[Source data]
--- START ---

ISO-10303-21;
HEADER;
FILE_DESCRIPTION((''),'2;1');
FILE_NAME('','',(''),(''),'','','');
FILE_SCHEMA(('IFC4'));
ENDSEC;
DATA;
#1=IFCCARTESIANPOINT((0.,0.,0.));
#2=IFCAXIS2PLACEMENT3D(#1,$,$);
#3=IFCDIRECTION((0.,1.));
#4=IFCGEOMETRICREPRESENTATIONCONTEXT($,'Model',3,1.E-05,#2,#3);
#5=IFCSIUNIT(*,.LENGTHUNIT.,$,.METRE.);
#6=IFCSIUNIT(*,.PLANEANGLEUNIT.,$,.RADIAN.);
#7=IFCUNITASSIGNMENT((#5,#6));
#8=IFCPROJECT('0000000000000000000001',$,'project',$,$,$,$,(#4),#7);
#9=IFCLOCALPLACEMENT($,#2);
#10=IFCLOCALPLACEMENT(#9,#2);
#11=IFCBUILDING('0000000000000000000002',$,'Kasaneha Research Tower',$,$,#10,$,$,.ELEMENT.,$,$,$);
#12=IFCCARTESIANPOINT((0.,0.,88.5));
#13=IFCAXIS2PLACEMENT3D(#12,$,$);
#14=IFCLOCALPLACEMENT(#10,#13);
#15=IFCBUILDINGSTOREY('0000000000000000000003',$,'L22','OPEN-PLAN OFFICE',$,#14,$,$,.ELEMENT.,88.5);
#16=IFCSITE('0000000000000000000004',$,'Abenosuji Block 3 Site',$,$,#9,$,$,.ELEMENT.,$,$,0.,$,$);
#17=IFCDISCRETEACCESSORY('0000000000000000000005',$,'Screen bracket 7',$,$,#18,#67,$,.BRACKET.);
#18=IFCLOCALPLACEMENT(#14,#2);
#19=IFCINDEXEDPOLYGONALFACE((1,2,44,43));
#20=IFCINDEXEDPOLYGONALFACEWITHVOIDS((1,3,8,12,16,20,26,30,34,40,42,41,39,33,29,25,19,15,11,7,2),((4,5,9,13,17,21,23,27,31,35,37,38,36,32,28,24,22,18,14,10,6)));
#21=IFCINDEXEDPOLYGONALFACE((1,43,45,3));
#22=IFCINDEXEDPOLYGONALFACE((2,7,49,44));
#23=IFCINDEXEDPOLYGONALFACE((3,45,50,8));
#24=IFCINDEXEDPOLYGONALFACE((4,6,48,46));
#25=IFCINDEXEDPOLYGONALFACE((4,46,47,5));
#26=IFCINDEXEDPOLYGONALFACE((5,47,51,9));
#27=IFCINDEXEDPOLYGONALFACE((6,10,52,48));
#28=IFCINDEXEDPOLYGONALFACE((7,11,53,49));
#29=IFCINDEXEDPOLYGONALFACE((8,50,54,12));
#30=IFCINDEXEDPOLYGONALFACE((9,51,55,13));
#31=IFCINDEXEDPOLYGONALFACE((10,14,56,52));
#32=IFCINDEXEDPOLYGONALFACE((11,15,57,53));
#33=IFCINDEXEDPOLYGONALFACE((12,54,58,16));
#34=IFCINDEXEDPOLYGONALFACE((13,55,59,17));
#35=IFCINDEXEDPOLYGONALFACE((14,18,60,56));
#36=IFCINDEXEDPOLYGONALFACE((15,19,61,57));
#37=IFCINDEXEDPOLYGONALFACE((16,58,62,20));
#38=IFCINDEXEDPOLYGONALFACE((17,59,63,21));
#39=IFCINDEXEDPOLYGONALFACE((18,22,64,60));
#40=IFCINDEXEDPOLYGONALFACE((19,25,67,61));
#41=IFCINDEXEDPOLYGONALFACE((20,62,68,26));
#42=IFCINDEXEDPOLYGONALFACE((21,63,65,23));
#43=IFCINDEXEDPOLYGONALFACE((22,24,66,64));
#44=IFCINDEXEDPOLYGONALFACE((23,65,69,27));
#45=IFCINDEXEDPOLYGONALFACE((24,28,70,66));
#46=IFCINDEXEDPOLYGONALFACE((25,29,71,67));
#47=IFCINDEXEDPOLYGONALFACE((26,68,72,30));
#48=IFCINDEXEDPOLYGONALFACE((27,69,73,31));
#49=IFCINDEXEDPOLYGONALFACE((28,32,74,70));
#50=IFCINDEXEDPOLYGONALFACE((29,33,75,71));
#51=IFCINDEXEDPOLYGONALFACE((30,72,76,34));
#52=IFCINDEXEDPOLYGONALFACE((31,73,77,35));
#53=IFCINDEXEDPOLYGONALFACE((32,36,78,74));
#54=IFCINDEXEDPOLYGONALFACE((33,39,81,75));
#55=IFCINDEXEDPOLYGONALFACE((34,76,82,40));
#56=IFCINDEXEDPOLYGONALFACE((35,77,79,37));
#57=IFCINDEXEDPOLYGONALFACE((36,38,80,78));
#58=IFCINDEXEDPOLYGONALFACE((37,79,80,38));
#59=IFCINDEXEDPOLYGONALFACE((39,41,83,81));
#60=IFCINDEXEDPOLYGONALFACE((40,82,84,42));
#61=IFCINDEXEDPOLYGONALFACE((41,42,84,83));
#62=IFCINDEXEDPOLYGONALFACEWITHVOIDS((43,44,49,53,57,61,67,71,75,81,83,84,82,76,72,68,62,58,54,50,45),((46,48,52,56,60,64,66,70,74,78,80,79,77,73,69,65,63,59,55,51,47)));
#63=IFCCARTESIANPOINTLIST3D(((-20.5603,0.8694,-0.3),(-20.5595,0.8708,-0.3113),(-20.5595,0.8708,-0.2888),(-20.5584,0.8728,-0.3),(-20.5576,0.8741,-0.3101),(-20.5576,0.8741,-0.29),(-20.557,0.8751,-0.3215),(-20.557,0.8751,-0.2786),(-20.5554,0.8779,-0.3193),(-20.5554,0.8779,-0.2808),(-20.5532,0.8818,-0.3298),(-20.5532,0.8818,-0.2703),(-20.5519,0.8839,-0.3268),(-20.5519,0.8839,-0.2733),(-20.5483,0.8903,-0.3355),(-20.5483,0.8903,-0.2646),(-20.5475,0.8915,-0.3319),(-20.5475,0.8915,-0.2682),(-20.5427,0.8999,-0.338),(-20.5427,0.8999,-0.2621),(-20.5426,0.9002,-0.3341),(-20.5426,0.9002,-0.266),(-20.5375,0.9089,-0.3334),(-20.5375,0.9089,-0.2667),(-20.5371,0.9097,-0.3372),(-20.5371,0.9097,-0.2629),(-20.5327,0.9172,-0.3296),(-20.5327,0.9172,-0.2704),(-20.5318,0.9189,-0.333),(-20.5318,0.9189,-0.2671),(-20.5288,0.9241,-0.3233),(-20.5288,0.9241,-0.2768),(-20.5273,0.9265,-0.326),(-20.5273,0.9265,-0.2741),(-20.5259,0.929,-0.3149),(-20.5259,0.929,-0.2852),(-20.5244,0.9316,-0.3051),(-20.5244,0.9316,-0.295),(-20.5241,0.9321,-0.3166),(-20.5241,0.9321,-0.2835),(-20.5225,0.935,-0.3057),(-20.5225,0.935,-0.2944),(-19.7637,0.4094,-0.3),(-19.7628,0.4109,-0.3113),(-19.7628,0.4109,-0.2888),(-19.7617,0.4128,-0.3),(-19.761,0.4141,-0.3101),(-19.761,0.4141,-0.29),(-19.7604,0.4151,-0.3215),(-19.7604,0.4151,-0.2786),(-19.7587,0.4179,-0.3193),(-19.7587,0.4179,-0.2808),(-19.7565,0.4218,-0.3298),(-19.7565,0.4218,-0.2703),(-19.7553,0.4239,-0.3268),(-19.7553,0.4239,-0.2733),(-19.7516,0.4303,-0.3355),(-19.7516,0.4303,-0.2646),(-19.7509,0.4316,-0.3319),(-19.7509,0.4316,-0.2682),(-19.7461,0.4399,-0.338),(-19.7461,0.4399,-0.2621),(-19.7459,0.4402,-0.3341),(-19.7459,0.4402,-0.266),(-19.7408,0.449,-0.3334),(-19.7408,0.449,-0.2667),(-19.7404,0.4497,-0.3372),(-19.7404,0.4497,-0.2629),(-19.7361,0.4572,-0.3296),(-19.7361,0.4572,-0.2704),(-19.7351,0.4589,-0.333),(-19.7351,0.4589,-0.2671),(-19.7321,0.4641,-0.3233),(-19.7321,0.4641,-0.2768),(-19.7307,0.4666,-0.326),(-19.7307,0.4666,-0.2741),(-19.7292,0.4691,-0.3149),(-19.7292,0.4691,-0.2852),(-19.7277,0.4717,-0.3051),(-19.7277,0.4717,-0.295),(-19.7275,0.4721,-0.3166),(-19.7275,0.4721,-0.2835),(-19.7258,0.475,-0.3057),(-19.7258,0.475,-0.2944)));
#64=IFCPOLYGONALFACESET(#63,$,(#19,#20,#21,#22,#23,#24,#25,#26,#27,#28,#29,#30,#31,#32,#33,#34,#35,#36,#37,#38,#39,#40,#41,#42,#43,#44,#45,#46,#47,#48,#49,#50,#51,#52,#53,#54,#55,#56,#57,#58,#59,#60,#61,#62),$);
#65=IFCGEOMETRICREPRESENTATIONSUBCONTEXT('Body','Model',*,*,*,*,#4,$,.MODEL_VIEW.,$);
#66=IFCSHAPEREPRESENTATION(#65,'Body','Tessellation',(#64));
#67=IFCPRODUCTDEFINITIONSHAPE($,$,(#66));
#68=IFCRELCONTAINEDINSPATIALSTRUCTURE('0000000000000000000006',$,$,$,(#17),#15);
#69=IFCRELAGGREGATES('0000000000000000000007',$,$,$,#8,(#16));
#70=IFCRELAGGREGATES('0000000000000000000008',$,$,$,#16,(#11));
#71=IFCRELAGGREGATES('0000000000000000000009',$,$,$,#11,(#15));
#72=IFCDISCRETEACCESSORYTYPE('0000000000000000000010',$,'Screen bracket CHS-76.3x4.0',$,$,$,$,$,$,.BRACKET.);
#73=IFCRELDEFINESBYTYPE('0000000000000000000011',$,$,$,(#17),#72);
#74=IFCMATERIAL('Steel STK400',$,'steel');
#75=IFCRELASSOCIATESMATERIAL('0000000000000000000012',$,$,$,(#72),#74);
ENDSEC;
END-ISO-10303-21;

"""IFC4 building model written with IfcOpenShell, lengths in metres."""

from ifc_helpers import new_model, si_unit, direction, frame, origin, origin_2d, place, context, subcontext, project, spatial, hollow_circle, extrude, material, material_profile, profile_set, type_object, element, save


model = new_model("IFC4")

# Units and contexts
model_context = context("Model", 3, precision=1e-05, world=origin(), true_north=direction((0.0, 1.0)))
body_context = subcontext(model_context, "Body", "Model", "MODEL_VIEW")
ifc_project = project(units=[si_unit("LENGTHUNIT", "METRE"), si_unit("PLANEANGLEUNIT", "RADIAN")], contexts=[model_context])

# Site, building, storey
site_placement = place(None, origin())
site = spatial("IfcSite", under=ifc_project, at=site_placement, Name="Abenosuji Block 3 Site", CompositionType="ELEMENT", RefElevation=0.0)
building_placement = place(site_placement, origin())
building = spatial("IfcBuilding", under=site, at=building_placement, Name="Kasaneha Research Tower", CompositionType="ELEMENT")
storey_placement = place(building_placement, frame((0.0, 0.0, 88.5)))
storey = spatial("IfcBuildingStorey", under=building, at=storey_placement, Name="L22", Description="OPEN-PLAN OFFICE", CompositionType="ELEMENT", Elevation=88.5)

# Discrete accessory
ifc_material_1 = material(Name="Steel STK400", Category="steel")
ifc_material_profile_1 = material_profile(ifc_material_1, hollow_circle(Radius=0.0381, WallThickness=0.0039, at=origin_2d()), Name="CHS-76.3x4.0")
ifc_profile_set_1 = profile_set([ifc_material_profile_1], Name="Steel STK400")
discrete_accessory_type = type_object("IfcDiscreteAccessoryType", Name="Screen bracket CHS-76.3x4.0", PredefinedType="BRACKET", material=ifc_profile_set_1)
for number, where, z_axis, x_axis, name in (
    (1, (-19.7446, 0.4424, -0.3), (-0.866013, 0.500021, 0.0), (-0.500021, -0.866013, 0.0), "Screen bracket 7"),
):
    element("IfcDiscreteAccessory", number, at=place(storey_placement, frame(where, z_axis=z_axis, x_axis=x_axis)), inside=storey, type_object=discrete_accessory_type, Name=name, PredefinedType="BRACKET", context=body_context, shape_type="SweptSolid", body=[
        extrude(hollow_circle(Radius=0.0381, WallThickness=0.0039, at=origin_2d()), origin(), (0.0, 0.0, 1.0), 0.9199),
    ])

save(model, "model.ifc")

--- END ---

> **Problem details**:
Beginning at the top of the data, please return every line until and including the line containing "#4=IFCGEOMETRICREPRESENTATIONCONTEXT($,'Model',3,1.E-05,#2,#3);", copied exactly, and nothing past it.

> **Your solution**:
ISO-10303-21;
HEADER;
FILE_DESCRIPTION((''),'2;1');
FILE_NAME('','',(''),(''),'','','');
FILE_SCHEMA(('IFC4'));
ENDSEC;
DATA;
#1=IFCCARTESIANPOINT((0.,0.,0.));
#2=IFCAXIS2PLACEMENT3D(#1,$,$);
#3=IFCDIRECTION((0.,1.));
#4=IFCGEOMETRICREPRESENTATIONCONTEXT($,'Model',3,1.E-05,#2,#3);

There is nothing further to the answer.